### Your instructions:
Would you please return every line from the listing that contains the word "contexts"?
--- Exercise input Enclosed Below ---
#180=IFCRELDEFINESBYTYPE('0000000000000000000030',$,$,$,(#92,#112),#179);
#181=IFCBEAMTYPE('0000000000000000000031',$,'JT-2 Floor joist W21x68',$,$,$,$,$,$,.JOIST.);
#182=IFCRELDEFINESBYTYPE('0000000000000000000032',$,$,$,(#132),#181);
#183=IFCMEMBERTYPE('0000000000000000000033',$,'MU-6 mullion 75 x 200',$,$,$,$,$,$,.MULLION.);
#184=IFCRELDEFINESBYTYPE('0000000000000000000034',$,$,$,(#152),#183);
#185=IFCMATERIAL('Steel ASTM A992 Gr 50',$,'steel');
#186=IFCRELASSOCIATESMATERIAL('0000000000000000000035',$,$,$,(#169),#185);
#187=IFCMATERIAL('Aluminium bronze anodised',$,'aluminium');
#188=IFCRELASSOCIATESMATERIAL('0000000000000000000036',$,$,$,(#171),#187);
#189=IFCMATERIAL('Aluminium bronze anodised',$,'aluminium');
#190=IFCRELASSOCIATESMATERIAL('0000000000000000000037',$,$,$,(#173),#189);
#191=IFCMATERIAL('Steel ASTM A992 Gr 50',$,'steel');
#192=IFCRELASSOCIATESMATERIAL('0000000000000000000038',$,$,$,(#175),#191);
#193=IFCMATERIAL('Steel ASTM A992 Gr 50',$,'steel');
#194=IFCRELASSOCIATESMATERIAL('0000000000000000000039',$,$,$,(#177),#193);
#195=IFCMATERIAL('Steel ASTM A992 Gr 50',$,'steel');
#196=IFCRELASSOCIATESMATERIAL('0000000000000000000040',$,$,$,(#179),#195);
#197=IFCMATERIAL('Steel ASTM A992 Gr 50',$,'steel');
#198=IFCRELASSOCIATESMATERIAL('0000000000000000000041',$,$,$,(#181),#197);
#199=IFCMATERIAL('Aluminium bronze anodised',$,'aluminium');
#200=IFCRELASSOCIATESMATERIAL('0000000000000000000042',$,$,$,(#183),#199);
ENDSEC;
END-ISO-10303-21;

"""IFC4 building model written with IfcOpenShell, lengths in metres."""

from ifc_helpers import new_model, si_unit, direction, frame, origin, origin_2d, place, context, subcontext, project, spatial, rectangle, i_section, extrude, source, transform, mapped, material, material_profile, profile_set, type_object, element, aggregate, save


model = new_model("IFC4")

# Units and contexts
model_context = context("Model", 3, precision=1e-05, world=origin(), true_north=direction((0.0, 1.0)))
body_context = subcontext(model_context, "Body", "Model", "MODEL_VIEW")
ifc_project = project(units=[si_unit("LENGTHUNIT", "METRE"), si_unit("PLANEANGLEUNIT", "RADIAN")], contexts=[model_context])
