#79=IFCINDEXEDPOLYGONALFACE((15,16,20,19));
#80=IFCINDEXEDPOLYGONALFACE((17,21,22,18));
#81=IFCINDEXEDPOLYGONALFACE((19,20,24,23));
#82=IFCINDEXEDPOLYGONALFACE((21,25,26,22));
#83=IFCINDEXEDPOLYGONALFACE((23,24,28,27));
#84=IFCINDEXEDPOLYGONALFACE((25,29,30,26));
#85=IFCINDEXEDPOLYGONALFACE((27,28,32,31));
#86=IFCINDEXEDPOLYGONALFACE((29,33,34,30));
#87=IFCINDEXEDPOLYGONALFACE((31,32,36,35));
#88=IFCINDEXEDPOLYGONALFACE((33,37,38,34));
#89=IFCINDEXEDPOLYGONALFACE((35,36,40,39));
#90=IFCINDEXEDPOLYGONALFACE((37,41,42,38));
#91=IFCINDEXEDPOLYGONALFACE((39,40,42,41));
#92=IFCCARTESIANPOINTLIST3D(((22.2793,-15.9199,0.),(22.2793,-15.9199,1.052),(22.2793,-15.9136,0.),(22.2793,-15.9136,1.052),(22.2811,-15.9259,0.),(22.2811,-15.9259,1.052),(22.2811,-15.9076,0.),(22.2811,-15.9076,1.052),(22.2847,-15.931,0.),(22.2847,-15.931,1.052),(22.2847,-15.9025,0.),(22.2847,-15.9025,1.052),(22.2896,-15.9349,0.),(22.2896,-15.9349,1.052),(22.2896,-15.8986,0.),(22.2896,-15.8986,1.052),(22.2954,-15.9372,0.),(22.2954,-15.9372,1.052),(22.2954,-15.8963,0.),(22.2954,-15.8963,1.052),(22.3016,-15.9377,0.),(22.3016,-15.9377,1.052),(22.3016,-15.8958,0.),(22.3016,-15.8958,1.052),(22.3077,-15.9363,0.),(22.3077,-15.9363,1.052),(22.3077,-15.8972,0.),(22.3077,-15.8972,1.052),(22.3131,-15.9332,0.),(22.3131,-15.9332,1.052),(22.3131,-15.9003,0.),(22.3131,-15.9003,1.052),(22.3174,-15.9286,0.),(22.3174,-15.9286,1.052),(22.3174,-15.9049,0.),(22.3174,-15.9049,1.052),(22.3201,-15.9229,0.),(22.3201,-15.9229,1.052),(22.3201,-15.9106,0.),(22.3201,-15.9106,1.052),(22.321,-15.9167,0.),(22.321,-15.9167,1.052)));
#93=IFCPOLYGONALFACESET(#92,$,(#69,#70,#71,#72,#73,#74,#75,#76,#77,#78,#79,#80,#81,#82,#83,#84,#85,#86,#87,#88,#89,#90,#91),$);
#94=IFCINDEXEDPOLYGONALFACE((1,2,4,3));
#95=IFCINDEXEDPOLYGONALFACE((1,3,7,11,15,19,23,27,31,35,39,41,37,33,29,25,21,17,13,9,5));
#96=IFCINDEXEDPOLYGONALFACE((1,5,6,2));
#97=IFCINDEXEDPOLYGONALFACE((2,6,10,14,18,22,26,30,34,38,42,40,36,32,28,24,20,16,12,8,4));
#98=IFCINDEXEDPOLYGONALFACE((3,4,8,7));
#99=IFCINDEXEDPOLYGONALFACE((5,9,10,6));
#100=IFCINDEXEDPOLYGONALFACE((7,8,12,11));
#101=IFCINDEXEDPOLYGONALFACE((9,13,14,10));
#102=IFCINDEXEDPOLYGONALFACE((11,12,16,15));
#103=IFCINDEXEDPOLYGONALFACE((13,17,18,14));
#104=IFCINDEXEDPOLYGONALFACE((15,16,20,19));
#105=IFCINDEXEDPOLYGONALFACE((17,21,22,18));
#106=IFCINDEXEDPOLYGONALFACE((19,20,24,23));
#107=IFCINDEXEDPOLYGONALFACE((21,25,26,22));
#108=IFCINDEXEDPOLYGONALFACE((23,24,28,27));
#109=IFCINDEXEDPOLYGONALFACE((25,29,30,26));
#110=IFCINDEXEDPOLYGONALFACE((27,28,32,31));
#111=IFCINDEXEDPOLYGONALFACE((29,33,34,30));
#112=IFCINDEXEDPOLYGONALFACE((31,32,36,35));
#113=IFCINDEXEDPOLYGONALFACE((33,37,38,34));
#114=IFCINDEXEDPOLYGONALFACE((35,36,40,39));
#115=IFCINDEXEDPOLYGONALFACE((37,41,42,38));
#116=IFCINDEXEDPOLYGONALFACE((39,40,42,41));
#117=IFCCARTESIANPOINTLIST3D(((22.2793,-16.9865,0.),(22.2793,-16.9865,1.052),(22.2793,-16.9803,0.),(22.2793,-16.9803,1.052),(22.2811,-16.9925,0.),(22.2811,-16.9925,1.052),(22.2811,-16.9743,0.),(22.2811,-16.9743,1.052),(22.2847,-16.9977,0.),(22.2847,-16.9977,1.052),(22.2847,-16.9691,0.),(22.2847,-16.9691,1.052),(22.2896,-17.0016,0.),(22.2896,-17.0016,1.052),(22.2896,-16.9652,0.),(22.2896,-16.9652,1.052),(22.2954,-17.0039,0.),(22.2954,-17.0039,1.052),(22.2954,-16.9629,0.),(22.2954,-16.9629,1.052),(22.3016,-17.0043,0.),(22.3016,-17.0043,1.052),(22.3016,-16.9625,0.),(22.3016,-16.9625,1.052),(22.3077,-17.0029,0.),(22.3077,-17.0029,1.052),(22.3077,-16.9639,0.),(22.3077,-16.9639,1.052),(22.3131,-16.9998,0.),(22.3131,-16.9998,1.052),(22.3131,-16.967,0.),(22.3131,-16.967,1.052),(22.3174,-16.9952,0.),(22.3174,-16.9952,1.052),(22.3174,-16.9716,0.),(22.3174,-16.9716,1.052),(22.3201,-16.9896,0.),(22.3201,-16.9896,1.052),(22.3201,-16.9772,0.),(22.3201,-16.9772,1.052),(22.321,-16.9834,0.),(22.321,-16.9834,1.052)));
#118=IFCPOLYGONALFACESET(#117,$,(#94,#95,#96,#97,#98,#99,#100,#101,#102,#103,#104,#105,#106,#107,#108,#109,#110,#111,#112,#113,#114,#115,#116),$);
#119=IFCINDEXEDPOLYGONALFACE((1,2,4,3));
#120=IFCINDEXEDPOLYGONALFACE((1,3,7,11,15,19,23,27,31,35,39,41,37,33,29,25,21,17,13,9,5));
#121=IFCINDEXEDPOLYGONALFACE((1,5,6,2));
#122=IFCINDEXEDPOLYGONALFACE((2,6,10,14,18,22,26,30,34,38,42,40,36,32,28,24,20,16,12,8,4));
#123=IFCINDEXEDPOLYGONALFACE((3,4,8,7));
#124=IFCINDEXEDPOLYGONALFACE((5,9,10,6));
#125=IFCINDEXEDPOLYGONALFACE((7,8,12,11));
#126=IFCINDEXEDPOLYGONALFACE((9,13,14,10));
--- End of Enclosed Exercise input ---
### Answer section:
# Units and contexts
ifc_project = project(units=[si_unit("LENGTHUNIT", "METRE"), si_unit("PLANEANGLEUNIT", "RADIAN")], contexts=[model_context])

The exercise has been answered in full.